- **WORK ORDER**
Reproduce the entries below exactly, but only from the line containing "#138=IFCWALL('0000000000000000000015',$,'South core partition" to the line containing "#152=IFCINDEXEDPOLYGONALFACE((1,2,4,3));", inclusive.

[Dataset entries]
↓↓↓
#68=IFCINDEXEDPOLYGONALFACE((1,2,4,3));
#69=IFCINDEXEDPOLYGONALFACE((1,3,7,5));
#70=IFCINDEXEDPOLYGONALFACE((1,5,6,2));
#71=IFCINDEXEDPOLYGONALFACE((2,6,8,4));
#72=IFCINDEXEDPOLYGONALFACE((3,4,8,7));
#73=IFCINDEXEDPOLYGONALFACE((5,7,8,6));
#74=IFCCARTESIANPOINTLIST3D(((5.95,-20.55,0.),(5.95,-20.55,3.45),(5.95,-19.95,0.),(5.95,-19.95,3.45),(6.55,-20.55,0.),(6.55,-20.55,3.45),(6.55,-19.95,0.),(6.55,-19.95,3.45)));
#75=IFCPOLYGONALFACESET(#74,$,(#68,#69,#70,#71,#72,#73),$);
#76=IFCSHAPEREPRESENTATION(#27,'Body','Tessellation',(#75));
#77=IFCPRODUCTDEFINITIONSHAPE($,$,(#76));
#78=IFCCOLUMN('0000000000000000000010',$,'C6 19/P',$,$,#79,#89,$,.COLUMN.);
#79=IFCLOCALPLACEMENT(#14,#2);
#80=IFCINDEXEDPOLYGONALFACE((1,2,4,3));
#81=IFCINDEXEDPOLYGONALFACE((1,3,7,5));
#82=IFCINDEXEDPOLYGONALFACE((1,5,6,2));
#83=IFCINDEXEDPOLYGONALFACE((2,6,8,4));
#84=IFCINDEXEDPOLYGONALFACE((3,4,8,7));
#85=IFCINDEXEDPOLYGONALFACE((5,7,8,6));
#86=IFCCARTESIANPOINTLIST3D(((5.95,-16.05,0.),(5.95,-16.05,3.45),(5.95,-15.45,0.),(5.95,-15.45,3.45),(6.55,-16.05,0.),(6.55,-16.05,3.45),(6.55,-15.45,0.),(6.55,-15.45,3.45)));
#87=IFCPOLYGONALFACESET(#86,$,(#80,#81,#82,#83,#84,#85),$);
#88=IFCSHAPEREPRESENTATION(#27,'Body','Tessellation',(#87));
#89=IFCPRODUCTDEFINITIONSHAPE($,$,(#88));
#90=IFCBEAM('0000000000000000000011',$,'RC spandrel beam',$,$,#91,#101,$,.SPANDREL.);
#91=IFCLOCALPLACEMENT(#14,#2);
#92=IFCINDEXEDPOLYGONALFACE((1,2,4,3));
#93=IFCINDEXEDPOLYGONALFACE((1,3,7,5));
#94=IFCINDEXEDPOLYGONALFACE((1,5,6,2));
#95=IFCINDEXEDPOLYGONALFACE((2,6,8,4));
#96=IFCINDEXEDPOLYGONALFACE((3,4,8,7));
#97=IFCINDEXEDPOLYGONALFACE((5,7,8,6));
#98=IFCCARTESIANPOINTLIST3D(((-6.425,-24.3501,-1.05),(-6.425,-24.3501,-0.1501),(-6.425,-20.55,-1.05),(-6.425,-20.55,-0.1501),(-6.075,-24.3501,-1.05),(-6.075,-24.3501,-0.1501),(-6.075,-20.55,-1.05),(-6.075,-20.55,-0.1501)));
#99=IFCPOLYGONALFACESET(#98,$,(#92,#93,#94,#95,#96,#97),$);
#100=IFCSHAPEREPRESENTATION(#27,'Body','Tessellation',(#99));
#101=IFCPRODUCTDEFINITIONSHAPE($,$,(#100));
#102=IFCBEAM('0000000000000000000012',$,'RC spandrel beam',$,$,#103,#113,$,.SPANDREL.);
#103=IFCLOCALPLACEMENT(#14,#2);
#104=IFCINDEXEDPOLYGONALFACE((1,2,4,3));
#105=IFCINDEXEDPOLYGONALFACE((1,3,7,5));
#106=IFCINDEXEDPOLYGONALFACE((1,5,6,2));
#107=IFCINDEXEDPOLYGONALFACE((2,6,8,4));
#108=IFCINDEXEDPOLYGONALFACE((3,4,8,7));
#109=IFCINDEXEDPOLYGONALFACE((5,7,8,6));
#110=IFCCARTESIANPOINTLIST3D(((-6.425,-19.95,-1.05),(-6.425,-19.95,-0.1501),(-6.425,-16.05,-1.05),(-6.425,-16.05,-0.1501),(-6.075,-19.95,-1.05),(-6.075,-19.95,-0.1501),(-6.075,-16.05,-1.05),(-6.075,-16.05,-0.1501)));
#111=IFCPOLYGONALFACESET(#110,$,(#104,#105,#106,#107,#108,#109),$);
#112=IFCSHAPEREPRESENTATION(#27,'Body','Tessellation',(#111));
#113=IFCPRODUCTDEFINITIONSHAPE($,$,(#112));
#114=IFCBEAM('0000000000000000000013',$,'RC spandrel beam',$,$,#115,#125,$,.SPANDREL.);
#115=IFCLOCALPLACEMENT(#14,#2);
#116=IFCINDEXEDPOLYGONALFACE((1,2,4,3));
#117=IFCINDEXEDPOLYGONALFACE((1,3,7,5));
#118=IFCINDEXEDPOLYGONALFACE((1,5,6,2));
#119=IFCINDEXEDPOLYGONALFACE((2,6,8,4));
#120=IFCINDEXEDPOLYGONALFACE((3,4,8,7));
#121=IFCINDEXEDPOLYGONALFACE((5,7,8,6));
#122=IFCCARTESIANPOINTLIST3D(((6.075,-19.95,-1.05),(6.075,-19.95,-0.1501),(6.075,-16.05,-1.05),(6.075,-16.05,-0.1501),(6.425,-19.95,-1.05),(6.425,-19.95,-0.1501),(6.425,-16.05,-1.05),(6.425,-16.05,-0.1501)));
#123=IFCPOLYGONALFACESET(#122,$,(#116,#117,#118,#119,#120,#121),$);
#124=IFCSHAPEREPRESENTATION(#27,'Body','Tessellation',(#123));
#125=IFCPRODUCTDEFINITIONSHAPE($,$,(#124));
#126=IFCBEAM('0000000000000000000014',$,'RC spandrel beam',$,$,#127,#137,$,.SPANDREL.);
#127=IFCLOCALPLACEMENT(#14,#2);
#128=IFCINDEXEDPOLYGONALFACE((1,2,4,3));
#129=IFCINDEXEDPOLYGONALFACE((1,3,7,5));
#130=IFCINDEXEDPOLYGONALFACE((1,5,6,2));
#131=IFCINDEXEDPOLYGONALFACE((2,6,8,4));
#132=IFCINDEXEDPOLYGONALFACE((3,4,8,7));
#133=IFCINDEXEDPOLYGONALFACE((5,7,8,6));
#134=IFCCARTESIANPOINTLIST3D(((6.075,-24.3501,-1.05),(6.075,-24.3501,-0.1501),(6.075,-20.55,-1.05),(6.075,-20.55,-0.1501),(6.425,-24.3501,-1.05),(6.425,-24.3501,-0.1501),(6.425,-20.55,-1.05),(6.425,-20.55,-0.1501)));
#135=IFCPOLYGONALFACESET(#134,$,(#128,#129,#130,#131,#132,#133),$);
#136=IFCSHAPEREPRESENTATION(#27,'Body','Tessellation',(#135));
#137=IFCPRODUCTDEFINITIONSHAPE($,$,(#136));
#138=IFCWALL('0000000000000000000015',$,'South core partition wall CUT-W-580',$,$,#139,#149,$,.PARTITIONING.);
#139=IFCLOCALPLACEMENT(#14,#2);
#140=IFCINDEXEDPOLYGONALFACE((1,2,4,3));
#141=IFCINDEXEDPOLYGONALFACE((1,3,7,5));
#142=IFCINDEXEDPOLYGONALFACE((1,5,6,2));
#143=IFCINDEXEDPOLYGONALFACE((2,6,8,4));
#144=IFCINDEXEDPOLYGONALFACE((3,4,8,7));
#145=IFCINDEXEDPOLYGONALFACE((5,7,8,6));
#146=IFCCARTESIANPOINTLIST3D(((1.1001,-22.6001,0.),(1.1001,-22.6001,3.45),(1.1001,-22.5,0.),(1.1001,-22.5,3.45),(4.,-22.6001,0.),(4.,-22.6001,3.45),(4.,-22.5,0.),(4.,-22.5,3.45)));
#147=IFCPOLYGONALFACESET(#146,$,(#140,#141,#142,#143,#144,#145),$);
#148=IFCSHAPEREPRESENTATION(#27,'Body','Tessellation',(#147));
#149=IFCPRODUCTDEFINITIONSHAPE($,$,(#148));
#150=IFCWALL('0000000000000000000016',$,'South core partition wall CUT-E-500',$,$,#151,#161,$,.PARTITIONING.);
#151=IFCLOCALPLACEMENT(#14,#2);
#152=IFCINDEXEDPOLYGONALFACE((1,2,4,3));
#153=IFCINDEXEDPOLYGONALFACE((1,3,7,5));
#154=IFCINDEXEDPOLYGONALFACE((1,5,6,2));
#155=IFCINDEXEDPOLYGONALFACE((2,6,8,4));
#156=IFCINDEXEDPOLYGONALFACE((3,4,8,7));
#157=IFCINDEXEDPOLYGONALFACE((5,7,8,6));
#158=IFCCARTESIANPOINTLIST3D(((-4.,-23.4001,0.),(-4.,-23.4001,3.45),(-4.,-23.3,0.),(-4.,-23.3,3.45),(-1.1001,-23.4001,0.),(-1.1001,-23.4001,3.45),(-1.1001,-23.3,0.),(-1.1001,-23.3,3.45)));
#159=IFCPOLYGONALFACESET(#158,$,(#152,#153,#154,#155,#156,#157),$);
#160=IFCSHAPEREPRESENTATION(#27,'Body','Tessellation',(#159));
↑↑↑
- **WRITTEN REPLY**
#138=IFCWALL('0000000000000000000015',$,'South core partition wall CUT-W-580',$,$,#139,#149,$,.PARTITIONING.);
#139=IFCLOCALPLACEMENT(#14,#2);
#140=IFCINDEXEDPOLYGONALFACE((1,2,4,3));
#141=IFCINDEXEDPOLYGONALFACE((1,3,7,5));
#142=IFCINDEXEDPOLYGONALFACE((1,5,6,2));
#143=IFCINDEXEDPOLYGONALFACE((2,6,8,4));
#144=IFCINDEXEDPOLYGONALFACE((3,4,8,7));
#145=IFCINDEXEDPOLYGONALFACE((5,7,8,6));
#146=IFCCARTESIANPOINTLIST3D(((1.1001,-22.6001,0.),(1.1001,-22.6001,3.45),(1.1001,-22.5,0.),(1.1001,-22.5,3.45),(4.,-22.6001,0.),(4.,-22.6001,3.45),(4.,-22.5,0.),(4.,-22.5,3.45)));
#147=IFCPOLYGONALFACESET(#146,$,(#140,#141,#142,#143,#144,#145),$);
#148=IFCSHAPEREPRESENTATION(#27,'Body','Tessellation',(#147));
#149=IFCPRODUCTDEFINITIONSHAPE($,$,(#148));
#150=IFCWALL('0000000000000000000016',$,'South core partition wall CUT-E-500',$,$,#151,#161,$,.PARTITIONING.);
#151=IFCLOCALPLACEMENT(#14,#2);
#152=IFCINDEXEDPOLYGONALFACE((1,2,4,3));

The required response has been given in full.